(Stored items)
______

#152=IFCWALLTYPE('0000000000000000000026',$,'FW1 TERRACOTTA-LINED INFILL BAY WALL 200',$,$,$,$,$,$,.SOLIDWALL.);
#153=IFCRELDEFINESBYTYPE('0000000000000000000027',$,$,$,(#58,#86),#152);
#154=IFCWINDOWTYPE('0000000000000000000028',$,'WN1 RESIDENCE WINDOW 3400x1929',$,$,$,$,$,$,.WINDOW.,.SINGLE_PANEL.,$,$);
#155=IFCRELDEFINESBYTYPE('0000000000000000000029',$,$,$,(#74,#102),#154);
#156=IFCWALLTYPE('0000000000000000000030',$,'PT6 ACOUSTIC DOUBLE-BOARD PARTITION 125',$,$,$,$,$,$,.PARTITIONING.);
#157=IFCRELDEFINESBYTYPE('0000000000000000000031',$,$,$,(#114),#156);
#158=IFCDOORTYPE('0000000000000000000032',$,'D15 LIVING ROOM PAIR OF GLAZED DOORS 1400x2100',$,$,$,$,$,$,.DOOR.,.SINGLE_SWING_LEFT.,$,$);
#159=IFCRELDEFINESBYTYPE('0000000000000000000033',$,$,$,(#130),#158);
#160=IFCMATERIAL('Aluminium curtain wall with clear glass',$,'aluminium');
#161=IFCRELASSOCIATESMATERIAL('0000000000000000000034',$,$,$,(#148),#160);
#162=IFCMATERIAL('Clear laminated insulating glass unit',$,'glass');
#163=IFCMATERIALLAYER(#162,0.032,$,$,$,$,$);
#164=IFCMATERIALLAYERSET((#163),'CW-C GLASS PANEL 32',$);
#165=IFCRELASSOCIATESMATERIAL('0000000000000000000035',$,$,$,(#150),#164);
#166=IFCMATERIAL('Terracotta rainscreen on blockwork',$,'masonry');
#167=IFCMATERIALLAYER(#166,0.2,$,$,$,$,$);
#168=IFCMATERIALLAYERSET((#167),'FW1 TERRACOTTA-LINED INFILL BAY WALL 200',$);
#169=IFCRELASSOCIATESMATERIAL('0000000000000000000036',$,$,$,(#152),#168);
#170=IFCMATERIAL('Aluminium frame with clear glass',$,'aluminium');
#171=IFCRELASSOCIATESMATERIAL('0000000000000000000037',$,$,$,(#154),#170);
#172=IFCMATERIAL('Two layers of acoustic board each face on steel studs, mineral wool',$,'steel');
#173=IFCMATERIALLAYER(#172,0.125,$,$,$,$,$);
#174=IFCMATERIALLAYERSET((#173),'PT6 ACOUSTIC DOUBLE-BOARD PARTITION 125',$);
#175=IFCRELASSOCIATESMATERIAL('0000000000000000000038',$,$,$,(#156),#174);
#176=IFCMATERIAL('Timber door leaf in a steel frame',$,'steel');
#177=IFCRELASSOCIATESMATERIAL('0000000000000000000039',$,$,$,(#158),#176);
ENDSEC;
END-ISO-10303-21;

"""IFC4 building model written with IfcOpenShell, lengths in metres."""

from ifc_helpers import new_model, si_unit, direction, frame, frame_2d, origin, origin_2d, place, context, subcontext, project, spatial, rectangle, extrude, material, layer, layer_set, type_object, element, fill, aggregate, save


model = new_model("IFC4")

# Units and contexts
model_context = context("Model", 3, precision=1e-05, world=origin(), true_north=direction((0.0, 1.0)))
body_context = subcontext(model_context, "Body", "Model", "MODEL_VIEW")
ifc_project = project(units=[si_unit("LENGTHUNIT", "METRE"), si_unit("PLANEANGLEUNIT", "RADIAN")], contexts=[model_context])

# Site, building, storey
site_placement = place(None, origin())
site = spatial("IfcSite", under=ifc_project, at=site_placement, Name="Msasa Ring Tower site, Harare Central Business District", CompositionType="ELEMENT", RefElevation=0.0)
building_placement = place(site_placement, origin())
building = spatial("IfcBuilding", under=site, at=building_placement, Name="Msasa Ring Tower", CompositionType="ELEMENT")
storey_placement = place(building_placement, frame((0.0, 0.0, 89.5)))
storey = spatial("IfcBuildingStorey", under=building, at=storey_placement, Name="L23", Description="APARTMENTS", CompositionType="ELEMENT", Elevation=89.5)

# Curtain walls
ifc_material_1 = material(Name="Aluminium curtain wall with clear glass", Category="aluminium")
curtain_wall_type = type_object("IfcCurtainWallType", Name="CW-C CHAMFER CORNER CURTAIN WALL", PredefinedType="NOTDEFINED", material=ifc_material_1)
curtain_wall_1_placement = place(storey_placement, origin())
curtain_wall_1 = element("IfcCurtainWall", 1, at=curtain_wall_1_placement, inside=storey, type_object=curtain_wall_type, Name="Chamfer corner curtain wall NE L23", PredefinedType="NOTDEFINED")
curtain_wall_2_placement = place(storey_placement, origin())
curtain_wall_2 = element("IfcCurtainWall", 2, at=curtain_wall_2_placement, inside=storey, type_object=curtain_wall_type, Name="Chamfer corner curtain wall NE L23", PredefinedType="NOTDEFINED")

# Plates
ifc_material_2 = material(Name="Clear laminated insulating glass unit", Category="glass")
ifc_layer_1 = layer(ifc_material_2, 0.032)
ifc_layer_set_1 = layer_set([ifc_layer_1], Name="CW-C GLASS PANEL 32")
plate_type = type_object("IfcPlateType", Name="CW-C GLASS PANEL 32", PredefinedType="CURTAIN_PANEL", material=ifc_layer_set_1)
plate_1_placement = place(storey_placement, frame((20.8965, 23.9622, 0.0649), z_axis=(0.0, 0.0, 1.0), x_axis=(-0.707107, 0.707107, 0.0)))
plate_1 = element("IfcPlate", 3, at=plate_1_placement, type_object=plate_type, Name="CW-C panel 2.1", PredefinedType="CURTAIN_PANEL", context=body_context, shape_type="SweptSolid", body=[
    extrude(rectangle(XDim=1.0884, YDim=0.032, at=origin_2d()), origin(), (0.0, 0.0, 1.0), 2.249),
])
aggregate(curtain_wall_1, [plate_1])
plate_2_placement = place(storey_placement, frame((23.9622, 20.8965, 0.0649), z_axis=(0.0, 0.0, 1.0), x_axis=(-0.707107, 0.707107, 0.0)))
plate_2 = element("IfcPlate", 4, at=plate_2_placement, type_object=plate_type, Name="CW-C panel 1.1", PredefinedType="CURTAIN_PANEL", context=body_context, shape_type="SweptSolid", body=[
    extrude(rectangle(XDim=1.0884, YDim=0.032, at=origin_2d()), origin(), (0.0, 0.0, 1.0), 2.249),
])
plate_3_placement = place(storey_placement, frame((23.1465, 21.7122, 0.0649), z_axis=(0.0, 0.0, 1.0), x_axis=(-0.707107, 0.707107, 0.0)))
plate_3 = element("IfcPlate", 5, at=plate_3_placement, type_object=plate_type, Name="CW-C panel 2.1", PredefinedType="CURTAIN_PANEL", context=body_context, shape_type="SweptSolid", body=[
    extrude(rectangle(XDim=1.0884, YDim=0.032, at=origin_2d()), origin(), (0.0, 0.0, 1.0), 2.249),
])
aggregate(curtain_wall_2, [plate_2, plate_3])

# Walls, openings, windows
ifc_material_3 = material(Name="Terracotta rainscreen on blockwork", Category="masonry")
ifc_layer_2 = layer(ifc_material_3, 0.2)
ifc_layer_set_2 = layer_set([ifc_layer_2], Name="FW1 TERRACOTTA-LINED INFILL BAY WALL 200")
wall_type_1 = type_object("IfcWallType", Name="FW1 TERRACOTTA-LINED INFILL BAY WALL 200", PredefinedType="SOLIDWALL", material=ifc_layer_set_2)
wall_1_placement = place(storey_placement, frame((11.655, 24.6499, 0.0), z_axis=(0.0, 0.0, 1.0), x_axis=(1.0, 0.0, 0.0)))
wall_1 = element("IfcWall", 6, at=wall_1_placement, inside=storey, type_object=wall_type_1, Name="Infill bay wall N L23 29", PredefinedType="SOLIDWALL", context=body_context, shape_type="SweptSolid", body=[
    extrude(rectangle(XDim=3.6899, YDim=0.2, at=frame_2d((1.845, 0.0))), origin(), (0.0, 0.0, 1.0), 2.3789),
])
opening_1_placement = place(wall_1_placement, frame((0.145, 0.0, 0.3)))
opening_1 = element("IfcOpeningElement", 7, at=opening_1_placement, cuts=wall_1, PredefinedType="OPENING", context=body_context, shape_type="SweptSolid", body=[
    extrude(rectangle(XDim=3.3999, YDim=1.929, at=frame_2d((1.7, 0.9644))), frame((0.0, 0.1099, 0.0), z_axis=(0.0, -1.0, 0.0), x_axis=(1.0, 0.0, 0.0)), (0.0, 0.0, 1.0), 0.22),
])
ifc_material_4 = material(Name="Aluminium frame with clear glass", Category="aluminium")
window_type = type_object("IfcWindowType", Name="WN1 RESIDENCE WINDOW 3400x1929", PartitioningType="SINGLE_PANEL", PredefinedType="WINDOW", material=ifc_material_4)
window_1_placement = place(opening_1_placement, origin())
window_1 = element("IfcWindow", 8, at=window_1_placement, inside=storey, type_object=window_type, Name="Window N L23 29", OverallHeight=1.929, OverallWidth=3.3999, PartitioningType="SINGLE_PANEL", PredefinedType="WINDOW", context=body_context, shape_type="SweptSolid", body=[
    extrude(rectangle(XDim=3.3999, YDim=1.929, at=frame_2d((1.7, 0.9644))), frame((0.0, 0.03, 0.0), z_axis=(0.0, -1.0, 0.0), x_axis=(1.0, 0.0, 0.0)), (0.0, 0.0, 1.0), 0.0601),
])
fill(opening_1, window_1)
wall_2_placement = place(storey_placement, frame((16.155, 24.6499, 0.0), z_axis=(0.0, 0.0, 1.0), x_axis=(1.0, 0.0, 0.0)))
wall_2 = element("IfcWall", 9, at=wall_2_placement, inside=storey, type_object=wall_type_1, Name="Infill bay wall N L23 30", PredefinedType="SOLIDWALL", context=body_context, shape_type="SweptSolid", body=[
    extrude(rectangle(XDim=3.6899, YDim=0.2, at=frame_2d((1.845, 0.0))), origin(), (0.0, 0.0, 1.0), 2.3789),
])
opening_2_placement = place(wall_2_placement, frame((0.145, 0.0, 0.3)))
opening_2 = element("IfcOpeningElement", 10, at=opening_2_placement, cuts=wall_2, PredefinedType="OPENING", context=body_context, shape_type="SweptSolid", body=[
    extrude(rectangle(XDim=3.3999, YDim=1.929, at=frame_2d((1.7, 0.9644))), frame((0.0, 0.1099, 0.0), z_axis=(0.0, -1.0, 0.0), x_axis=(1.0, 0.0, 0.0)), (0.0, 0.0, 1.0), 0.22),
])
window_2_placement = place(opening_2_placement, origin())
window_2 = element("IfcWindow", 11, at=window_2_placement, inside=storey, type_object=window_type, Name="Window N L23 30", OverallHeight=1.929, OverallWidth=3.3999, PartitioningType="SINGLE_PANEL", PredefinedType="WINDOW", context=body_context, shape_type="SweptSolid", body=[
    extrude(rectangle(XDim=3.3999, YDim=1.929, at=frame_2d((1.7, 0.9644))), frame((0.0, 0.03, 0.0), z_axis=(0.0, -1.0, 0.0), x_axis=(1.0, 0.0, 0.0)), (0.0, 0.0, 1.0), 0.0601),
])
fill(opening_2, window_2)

______

§ REQUIRED ACTION
Reproduce exactly every line that sits between the start of the entries and the line bearing "#162=IFCMATERIAL('Clear laminated insulating", counting both of those lines.

§ RESPONSE AREA
#152=IFCWALLTYPE('0000000000000000000026',$,'FW1 TERRACOTTA-LINED INFILL BAY WALL 200',$,$,$,$,$,$,.SOLIDWALL.);
#153=IFCRELDEFINESBYTYPE('0000000000000000000027',$,$,$,(#58,#86),#152);
#154=IFCWINDOWTYPE('0000000000000000000028',$,'WN1 RESIDENCE WINDOW 3400x1929',$,$,$,$,$,$,.WINDOW.,.SINGLE_PANEL.,$,$);
#155=IFCRELDEFINESBYTYPE('0000000000000000000029',$,$,$,(#74,#102),#154);
#156=IFCWALLTYPE('0000000000000000000030',$,'PT6 ACOUSTIC DOUBLE-BOARD PARTITION 125',$,$,$,$,$,$,.PARTITIONING.);
#157=IFCRELDEFINESBYTYPE('0000000000000000000031',$,$,$,(#114),#156);
#158=IFCDOORTYPE('0000000000000000000032',$,'D15 LIVING ROOM PAIR OF GLAZED DOORS 1400x2100',$,$,$,$,$,$,.DOOR.,.SINGLE_SWING_LEFT.,$,$);
#159=IFCRELDEFINESBYTYPE('0000000000000000000033',$,$,$,(#130),#158);
#160=IFCMATERIAL('Aluminium curtain wall with clear glass',$,'aluminium');
#161=IFCRELASSOCIATESMATERIAL('0000000000000000000034',$,$,$,(#148),#160);
#162=IFCMATERIAL('Clear laminated insulating glass unit',$,'glass');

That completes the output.